▸ **EXTRACTED ENTRIES**:
—————
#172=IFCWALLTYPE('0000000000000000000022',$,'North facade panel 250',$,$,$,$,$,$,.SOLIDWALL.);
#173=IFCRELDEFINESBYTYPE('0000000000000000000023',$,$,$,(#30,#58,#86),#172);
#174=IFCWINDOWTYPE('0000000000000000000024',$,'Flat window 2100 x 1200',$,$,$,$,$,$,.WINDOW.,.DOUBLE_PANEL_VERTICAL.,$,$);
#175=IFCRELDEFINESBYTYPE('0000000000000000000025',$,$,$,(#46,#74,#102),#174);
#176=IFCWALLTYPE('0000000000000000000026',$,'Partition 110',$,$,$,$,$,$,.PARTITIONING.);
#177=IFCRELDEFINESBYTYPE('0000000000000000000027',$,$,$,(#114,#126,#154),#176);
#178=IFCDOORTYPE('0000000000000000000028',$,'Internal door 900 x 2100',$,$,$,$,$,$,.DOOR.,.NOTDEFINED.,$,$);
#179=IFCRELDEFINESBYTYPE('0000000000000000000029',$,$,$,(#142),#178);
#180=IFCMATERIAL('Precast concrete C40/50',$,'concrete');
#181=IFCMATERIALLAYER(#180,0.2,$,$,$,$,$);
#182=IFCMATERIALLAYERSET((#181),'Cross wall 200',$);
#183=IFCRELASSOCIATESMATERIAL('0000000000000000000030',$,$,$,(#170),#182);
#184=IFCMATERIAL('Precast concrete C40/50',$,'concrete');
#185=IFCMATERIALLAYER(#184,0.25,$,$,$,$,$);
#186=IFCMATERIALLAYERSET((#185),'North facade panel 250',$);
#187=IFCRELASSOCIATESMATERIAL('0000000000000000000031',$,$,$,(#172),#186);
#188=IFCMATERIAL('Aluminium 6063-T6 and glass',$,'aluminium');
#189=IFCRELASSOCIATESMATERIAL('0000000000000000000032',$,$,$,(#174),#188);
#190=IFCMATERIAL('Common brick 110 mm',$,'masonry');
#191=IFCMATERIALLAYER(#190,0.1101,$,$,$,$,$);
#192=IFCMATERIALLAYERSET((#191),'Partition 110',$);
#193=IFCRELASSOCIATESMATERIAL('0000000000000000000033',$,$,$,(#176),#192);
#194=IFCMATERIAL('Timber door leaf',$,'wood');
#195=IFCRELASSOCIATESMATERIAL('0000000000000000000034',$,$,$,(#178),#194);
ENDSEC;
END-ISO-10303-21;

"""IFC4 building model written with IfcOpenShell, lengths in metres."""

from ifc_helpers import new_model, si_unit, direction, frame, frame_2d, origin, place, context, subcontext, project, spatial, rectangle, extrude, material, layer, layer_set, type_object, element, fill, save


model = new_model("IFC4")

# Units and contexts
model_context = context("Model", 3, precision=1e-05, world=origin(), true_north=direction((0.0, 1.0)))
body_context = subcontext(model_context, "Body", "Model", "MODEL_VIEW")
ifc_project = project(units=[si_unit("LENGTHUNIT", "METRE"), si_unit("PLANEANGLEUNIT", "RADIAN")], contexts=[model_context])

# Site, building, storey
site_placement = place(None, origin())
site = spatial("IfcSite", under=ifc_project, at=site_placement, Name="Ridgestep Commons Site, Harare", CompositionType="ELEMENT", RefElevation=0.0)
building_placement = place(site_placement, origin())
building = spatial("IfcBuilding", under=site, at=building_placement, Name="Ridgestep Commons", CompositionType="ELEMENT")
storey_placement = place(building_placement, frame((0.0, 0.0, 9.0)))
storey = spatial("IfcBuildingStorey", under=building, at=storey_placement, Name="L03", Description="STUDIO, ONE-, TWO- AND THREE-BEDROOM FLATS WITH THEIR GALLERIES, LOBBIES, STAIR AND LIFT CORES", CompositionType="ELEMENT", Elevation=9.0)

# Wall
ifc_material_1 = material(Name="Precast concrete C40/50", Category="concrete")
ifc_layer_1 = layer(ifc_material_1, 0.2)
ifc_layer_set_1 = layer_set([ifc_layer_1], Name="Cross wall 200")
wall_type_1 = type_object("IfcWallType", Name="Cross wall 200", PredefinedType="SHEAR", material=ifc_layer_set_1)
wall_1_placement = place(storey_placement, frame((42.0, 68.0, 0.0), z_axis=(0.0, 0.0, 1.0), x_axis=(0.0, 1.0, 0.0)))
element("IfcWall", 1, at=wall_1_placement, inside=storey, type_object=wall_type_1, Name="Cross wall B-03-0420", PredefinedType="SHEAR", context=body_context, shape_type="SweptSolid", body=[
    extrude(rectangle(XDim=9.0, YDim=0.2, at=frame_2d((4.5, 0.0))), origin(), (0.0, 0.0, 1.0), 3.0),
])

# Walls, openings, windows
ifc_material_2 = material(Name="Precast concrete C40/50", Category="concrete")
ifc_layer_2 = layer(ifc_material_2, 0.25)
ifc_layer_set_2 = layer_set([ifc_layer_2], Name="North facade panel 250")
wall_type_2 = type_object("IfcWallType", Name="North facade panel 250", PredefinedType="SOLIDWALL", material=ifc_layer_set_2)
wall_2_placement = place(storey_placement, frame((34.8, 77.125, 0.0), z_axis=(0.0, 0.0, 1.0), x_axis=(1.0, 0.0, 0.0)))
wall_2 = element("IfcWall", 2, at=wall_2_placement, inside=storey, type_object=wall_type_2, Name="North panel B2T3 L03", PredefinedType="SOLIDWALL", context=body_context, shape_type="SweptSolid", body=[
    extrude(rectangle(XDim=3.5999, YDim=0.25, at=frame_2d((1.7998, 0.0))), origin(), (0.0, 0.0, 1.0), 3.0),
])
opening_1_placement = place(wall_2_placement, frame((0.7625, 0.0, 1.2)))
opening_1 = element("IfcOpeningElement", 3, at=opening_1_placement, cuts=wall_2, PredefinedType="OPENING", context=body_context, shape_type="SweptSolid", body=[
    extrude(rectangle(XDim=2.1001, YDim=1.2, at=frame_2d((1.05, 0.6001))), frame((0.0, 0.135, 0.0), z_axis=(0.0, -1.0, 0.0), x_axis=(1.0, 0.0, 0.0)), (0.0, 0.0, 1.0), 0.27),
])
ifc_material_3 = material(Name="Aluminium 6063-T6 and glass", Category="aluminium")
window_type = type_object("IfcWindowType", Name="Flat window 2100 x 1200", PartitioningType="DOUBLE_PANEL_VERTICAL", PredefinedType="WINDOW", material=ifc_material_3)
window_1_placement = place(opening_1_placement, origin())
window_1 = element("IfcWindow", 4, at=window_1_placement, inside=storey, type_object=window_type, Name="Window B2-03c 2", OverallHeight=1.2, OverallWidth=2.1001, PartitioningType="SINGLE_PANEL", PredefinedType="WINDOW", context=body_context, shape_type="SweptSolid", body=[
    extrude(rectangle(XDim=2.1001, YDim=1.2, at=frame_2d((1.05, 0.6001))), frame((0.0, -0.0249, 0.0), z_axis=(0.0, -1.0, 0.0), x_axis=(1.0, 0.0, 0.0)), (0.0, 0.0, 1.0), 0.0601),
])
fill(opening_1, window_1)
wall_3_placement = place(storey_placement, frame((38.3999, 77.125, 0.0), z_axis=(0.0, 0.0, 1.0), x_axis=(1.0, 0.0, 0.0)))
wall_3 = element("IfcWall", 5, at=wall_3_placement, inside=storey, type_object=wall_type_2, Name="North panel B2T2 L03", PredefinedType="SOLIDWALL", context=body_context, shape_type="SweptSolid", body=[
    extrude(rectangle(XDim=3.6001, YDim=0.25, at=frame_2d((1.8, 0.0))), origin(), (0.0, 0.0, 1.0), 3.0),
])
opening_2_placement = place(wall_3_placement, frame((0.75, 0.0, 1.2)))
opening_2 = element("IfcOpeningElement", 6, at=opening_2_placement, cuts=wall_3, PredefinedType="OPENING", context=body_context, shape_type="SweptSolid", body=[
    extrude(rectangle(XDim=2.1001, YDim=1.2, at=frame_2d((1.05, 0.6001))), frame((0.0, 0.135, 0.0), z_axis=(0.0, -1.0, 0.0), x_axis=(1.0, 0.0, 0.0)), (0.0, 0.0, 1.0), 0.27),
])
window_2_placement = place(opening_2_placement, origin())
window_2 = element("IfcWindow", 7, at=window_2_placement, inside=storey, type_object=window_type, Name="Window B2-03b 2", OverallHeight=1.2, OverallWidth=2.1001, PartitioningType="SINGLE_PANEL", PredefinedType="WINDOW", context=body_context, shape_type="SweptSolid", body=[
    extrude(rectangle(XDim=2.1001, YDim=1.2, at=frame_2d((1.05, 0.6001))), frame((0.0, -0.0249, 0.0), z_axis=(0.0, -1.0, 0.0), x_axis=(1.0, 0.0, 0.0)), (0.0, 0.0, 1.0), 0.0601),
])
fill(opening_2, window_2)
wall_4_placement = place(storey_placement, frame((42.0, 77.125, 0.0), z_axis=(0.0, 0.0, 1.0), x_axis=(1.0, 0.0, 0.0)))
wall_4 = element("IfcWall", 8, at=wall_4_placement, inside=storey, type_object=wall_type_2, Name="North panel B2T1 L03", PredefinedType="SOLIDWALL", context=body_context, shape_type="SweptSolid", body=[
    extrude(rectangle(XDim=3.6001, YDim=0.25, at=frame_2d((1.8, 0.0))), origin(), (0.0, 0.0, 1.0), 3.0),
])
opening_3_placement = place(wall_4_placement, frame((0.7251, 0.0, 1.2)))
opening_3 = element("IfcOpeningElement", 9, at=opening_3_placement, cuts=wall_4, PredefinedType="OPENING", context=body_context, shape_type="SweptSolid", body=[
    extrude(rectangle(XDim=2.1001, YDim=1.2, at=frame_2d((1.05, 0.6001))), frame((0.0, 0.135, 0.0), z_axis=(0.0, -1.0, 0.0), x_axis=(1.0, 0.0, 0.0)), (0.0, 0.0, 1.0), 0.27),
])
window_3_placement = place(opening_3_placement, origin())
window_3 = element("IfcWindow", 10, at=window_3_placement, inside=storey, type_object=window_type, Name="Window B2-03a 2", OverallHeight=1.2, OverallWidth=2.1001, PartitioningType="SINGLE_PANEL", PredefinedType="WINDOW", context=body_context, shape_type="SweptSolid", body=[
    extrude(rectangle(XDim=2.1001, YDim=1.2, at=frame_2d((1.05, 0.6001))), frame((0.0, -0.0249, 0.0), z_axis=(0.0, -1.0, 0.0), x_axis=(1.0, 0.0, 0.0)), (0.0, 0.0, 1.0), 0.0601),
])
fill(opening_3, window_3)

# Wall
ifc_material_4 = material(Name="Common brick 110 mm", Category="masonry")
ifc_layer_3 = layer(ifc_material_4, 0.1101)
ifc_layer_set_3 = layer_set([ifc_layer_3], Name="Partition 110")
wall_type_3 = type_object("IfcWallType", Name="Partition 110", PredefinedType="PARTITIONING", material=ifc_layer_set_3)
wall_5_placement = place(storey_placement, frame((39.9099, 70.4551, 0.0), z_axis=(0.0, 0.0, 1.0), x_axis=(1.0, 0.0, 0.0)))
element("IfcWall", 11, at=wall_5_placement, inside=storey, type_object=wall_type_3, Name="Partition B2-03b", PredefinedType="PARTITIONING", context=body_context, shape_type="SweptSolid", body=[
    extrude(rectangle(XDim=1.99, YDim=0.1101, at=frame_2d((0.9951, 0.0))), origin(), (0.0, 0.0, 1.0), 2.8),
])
—————
Filter the entries above and copy only the lines that hold "Ridgestep".

▸ **EXERCISE RESPONSE**:
site = spatial("IfcSite", under=ifc_project, at=site_placement, Name="Ridgestep Commons Site, Harare", CompositionType="ELEMENT", RefElevation=0.0)
building = spatial("IfcBuilding", under=site, at=building_placement, Name="Ridgestep Commons", CompositionType="ELEMENT")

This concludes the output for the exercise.